REQUIRED WORK:
Could you please return each line of the data that has the word "IFCSIUNIT"?

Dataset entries
*** Begin section ***

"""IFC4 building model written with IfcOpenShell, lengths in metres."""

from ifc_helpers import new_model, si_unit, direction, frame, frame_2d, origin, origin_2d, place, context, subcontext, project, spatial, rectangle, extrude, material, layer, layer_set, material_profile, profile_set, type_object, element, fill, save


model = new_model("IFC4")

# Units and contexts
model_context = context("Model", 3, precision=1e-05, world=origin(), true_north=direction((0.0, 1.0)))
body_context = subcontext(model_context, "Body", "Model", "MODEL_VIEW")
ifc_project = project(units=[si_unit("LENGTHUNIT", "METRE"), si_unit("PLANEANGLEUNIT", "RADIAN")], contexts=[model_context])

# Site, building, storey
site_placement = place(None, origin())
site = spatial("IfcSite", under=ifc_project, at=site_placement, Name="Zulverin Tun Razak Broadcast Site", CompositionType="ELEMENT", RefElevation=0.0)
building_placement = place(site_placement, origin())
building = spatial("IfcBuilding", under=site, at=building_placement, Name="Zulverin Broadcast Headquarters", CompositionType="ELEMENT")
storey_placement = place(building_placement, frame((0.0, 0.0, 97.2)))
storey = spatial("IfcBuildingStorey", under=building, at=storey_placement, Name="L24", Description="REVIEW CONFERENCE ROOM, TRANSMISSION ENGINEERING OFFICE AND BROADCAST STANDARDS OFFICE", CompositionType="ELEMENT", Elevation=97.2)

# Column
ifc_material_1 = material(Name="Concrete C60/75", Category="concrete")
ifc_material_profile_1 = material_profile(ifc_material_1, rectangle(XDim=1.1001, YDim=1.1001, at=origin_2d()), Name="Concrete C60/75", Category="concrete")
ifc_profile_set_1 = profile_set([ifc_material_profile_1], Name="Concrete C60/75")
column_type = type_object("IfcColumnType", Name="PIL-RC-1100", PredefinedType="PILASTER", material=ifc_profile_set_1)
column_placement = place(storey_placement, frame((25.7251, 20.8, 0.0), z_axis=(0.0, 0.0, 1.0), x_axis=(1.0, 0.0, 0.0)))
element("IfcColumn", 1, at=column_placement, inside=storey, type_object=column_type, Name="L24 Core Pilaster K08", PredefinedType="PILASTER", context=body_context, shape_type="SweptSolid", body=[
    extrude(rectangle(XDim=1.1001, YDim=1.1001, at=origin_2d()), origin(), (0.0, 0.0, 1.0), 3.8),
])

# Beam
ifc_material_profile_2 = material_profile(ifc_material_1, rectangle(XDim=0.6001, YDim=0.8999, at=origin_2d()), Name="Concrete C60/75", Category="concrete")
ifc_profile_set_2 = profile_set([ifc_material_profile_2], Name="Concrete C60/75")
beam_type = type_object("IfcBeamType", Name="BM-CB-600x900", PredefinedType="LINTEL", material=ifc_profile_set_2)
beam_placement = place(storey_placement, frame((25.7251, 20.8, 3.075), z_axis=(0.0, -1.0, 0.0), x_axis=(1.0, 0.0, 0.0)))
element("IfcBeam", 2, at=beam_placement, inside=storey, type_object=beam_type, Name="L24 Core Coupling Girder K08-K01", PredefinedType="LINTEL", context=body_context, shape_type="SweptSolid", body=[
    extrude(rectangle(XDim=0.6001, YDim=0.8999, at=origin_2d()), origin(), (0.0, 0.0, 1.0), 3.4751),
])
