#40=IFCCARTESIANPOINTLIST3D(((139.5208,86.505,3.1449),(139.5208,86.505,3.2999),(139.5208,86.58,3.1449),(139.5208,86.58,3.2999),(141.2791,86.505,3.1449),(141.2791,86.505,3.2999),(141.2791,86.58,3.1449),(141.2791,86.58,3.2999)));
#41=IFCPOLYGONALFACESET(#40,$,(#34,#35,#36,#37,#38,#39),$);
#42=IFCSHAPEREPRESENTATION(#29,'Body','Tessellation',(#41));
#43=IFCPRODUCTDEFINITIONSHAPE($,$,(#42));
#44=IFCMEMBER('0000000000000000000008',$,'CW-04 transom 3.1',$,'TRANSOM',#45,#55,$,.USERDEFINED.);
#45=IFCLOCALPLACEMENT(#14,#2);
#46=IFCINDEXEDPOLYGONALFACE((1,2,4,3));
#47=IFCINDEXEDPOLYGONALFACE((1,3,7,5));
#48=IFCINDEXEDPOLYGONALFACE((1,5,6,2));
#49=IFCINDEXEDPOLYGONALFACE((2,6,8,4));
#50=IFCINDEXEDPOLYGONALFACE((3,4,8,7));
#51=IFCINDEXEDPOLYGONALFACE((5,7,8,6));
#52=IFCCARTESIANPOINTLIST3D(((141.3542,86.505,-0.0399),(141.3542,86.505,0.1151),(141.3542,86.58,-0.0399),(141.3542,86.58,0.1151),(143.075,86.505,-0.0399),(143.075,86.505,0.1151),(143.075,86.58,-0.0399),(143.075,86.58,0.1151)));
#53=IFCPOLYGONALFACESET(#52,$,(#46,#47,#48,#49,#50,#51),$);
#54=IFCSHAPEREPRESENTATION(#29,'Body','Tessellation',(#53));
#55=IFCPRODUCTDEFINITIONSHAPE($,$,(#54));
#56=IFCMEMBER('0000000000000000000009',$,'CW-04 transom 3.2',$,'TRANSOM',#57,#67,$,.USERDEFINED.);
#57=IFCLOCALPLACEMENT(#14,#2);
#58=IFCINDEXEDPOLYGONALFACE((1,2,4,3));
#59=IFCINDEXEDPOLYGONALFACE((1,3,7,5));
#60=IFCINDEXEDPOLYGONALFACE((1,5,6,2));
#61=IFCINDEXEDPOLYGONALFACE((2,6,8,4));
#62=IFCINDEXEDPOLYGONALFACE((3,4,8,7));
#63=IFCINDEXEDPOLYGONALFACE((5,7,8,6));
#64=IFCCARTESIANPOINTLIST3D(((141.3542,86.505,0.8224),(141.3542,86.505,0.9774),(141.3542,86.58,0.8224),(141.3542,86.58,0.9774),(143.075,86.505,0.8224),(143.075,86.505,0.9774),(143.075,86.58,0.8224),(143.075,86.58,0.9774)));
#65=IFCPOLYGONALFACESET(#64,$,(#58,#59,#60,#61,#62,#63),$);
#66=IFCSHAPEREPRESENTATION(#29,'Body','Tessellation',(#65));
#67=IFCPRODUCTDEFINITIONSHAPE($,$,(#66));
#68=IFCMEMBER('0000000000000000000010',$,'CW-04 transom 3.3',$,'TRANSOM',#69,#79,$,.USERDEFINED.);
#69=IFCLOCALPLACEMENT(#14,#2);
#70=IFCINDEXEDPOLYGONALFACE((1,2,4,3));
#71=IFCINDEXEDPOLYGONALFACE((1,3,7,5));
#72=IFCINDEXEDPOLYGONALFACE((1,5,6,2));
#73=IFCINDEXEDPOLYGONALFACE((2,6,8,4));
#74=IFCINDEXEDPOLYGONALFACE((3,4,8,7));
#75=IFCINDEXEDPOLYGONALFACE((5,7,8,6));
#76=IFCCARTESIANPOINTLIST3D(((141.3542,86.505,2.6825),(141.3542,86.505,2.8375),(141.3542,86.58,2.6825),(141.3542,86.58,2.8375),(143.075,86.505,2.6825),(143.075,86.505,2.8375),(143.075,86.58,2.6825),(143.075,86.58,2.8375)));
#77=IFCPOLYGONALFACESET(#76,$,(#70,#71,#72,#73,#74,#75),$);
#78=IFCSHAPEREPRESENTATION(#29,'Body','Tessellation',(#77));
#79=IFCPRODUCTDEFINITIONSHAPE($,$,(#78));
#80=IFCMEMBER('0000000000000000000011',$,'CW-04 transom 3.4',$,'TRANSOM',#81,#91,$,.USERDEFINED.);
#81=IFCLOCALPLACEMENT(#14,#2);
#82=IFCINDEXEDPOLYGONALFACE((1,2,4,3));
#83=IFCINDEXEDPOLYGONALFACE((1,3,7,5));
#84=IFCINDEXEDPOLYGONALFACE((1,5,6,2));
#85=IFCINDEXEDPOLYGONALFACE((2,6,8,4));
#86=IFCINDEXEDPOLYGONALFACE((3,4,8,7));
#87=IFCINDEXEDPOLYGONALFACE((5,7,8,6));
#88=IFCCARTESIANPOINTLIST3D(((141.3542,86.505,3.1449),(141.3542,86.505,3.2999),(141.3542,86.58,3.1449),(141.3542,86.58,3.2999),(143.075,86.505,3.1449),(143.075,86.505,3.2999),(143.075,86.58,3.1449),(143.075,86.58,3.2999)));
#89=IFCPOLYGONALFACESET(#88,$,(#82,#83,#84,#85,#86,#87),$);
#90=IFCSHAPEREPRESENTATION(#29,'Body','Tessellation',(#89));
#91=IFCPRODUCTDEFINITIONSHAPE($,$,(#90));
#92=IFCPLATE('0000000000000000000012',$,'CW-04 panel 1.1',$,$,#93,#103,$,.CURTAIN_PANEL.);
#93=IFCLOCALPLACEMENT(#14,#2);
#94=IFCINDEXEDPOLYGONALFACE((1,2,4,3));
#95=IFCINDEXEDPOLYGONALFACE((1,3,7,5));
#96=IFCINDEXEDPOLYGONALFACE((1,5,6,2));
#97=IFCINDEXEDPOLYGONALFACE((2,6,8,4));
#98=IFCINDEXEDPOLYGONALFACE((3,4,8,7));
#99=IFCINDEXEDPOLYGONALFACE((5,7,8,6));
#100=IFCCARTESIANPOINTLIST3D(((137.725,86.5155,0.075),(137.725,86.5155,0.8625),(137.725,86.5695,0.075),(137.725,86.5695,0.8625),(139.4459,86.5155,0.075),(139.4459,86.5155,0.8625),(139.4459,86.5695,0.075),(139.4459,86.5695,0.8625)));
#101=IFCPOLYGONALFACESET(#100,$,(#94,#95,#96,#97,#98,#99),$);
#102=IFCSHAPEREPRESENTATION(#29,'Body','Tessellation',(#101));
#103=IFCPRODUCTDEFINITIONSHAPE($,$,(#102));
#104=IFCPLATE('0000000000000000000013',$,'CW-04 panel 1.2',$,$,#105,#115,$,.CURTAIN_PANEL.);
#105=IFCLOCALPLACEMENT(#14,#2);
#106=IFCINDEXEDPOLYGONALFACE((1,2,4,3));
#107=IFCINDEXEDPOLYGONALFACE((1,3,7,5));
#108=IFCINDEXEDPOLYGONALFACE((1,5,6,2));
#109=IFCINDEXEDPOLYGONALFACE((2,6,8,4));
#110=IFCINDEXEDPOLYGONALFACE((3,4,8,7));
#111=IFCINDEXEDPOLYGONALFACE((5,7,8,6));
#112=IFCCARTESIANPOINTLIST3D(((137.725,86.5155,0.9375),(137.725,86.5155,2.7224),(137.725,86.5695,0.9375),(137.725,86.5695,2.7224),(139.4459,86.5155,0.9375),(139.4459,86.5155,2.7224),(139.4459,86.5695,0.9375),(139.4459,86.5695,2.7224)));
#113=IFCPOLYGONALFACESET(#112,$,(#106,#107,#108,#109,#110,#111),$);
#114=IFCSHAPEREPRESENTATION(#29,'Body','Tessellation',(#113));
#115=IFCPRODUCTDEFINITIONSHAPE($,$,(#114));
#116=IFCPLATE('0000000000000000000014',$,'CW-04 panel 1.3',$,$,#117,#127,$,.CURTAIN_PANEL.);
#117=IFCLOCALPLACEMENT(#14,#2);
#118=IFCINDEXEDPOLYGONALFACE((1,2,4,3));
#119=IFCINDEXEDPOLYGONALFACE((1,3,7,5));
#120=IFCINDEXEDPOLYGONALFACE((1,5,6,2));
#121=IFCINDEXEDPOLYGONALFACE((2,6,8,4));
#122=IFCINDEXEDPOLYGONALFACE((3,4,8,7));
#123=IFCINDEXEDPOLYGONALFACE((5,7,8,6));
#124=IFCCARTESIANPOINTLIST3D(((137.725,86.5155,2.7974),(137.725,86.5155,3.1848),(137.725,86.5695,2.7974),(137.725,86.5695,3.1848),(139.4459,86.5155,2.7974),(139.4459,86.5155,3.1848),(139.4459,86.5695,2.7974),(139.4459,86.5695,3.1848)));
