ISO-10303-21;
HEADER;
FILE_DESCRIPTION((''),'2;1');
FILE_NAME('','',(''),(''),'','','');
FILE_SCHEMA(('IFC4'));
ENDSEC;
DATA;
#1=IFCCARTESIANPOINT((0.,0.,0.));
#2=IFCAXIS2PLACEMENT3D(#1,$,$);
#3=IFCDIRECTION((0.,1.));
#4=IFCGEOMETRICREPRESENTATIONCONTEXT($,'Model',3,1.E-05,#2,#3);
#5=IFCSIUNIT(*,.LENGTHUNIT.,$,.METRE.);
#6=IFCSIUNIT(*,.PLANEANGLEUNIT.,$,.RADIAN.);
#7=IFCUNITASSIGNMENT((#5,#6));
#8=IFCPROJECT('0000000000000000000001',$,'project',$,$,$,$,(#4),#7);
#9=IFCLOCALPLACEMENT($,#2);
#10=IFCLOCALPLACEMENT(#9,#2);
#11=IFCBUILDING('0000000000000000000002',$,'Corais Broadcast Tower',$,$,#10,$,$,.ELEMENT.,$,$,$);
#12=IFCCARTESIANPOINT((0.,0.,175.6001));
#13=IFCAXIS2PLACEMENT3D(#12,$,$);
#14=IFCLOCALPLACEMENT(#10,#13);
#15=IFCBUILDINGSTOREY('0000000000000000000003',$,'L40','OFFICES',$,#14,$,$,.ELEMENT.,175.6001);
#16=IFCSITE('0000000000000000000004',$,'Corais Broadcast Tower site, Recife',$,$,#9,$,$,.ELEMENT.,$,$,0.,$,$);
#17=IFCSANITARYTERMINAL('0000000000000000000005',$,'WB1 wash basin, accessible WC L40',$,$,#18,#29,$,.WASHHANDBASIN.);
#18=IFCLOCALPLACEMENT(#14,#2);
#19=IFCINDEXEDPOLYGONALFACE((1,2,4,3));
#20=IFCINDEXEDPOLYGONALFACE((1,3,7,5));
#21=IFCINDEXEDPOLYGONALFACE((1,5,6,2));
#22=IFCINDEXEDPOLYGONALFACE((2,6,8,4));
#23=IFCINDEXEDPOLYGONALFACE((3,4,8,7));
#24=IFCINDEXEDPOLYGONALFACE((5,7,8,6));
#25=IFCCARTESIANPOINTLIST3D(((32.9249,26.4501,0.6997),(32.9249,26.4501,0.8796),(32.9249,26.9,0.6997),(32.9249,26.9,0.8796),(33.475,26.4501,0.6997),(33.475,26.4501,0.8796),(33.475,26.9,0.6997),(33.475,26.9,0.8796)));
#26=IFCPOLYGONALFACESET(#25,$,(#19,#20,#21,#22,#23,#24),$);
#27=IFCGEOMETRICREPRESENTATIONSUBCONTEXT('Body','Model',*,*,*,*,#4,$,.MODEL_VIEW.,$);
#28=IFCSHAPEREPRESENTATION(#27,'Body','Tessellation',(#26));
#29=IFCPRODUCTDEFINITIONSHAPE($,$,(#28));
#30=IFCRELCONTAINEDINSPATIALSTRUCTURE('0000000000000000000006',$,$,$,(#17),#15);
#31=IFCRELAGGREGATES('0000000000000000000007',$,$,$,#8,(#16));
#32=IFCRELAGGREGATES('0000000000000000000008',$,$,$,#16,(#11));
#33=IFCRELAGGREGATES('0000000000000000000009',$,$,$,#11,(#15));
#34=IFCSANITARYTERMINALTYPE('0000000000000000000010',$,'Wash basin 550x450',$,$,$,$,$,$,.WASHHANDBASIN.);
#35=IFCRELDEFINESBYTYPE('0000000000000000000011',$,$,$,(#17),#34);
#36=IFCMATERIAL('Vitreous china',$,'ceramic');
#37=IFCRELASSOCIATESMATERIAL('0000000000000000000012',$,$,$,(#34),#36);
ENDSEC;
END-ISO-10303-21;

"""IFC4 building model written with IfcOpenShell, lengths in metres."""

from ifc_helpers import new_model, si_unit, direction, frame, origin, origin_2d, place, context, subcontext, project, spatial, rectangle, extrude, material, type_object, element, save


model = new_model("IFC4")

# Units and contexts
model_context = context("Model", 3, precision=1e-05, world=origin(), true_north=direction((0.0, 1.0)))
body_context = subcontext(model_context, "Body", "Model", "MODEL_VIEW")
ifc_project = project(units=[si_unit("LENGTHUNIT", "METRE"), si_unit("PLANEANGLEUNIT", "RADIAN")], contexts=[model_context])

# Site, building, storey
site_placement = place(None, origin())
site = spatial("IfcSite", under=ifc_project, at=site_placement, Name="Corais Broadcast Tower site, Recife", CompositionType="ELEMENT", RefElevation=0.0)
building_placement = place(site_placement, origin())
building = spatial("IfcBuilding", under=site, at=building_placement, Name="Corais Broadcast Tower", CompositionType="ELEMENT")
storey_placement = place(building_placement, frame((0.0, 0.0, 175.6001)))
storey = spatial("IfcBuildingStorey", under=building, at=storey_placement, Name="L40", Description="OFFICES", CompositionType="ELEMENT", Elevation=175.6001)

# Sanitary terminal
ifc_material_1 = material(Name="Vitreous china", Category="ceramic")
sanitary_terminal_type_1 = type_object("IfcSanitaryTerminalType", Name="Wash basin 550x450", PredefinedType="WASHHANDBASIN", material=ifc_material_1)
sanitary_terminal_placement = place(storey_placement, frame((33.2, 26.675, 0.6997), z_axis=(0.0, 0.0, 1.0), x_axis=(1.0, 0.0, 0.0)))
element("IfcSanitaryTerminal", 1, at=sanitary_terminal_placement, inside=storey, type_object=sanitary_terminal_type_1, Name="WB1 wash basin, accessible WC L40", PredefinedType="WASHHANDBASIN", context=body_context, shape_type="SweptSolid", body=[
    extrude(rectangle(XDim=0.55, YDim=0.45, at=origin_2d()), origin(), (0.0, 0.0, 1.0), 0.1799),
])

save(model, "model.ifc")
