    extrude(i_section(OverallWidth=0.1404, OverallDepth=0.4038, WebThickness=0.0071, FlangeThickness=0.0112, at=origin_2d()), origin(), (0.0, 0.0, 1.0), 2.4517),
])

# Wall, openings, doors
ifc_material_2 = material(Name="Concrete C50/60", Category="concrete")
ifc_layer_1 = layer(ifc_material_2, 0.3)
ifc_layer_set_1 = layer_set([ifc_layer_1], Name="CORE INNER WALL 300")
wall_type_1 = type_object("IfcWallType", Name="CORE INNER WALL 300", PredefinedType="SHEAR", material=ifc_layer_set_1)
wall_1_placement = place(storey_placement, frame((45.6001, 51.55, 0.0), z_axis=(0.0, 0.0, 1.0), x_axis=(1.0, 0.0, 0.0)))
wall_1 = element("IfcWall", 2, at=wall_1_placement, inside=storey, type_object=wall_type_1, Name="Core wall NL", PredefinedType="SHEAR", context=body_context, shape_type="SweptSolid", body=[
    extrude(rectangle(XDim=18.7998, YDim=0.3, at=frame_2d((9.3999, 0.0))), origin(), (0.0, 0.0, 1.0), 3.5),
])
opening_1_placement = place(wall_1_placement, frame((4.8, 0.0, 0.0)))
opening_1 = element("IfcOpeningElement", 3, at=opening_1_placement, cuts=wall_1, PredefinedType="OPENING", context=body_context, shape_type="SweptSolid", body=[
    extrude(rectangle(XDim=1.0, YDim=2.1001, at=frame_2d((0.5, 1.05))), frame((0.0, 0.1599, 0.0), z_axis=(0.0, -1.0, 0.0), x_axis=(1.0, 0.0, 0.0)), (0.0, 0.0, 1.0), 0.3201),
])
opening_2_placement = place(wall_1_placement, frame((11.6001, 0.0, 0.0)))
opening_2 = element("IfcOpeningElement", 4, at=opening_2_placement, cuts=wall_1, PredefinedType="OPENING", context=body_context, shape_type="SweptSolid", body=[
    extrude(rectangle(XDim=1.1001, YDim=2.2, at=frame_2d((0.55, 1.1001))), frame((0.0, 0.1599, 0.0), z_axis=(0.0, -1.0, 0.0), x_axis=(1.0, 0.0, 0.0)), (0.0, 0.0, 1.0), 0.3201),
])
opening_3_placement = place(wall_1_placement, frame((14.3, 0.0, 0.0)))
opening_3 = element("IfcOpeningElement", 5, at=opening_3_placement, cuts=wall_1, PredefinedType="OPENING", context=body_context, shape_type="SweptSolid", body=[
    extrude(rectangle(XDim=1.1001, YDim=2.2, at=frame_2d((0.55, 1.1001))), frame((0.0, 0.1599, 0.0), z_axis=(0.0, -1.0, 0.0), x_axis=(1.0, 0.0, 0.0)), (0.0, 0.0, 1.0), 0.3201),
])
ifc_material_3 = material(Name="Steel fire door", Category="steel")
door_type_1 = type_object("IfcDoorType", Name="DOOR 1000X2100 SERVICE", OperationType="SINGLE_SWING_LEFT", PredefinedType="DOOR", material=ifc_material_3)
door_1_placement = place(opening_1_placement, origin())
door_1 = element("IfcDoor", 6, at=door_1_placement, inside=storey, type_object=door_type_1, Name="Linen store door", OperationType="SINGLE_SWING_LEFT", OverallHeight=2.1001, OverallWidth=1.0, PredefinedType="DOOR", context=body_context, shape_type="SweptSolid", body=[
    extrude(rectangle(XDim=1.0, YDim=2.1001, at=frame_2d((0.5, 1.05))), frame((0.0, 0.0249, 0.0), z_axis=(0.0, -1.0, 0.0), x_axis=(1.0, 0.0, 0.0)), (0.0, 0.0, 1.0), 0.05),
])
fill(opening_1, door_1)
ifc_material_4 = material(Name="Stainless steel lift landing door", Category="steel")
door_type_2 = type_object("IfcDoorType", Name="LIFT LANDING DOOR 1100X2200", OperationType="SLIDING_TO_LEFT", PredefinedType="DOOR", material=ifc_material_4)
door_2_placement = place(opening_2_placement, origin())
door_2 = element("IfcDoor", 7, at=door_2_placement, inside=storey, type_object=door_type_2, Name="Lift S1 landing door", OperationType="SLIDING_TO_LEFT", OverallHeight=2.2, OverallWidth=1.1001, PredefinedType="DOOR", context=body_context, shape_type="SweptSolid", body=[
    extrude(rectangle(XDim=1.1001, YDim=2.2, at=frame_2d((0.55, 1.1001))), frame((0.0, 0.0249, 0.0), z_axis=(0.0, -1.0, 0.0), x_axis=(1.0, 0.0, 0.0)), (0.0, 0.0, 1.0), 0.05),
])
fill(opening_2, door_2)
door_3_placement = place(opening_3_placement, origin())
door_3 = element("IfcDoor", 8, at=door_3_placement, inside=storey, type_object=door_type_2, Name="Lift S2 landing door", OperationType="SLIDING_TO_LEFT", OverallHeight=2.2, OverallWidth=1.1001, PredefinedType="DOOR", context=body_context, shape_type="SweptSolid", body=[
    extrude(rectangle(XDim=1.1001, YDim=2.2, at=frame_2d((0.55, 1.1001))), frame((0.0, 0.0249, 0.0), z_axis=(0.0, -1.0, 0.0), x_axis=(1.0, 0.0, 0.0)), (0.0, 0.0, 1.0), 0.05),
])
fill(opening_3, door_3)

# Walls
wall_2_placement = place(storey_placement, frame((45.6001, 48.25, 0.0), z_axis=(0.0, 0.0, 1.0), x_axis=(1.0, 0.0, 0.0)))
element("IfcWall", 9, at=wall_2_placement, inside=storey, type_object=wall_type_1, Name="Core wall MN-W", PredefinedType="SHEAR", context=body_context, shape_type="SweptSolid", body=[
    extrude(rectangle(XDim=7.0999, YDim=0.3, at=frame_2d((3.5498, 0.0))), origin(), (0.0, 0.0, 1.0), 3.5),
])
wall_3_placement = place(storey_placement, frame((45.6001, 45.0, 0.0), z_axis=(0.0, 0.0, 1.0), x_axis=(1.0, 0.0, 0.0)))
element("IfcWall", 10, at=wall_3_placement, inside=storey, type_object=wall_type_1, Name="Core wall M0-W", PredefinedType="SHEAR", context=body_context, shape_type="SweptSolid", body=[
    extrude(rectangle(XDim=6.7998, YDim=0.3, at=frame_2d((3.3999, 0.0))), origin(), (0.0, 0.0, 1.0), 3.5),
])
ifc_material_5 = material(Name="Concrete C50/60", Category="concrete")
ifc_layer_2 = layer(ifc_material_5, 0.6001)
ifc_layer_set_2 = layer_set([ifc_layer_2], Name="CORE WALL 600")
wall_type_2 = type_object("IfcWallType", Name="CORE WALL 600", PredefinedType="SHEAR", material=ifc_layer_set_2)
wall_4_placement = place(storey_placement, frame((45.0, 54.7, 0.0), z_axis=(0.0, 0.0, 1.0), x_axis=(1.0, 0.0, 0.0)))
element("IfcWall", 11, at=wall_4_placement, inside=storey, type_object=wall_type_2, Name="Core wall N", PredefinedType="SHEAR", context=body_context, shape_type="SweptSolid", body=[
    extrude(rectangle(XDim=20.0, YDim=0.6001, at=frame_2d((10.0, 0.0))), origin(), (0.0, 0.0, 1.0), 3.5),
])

*** End section ***

TASK ANSWER:
#5=IFCSIUNIT(*,.LENGTHUNIT.,$,.METRE.);
#6=IFCSIUNIT(*,.PLANEANGLEUNIT.,$,.RADIAN.);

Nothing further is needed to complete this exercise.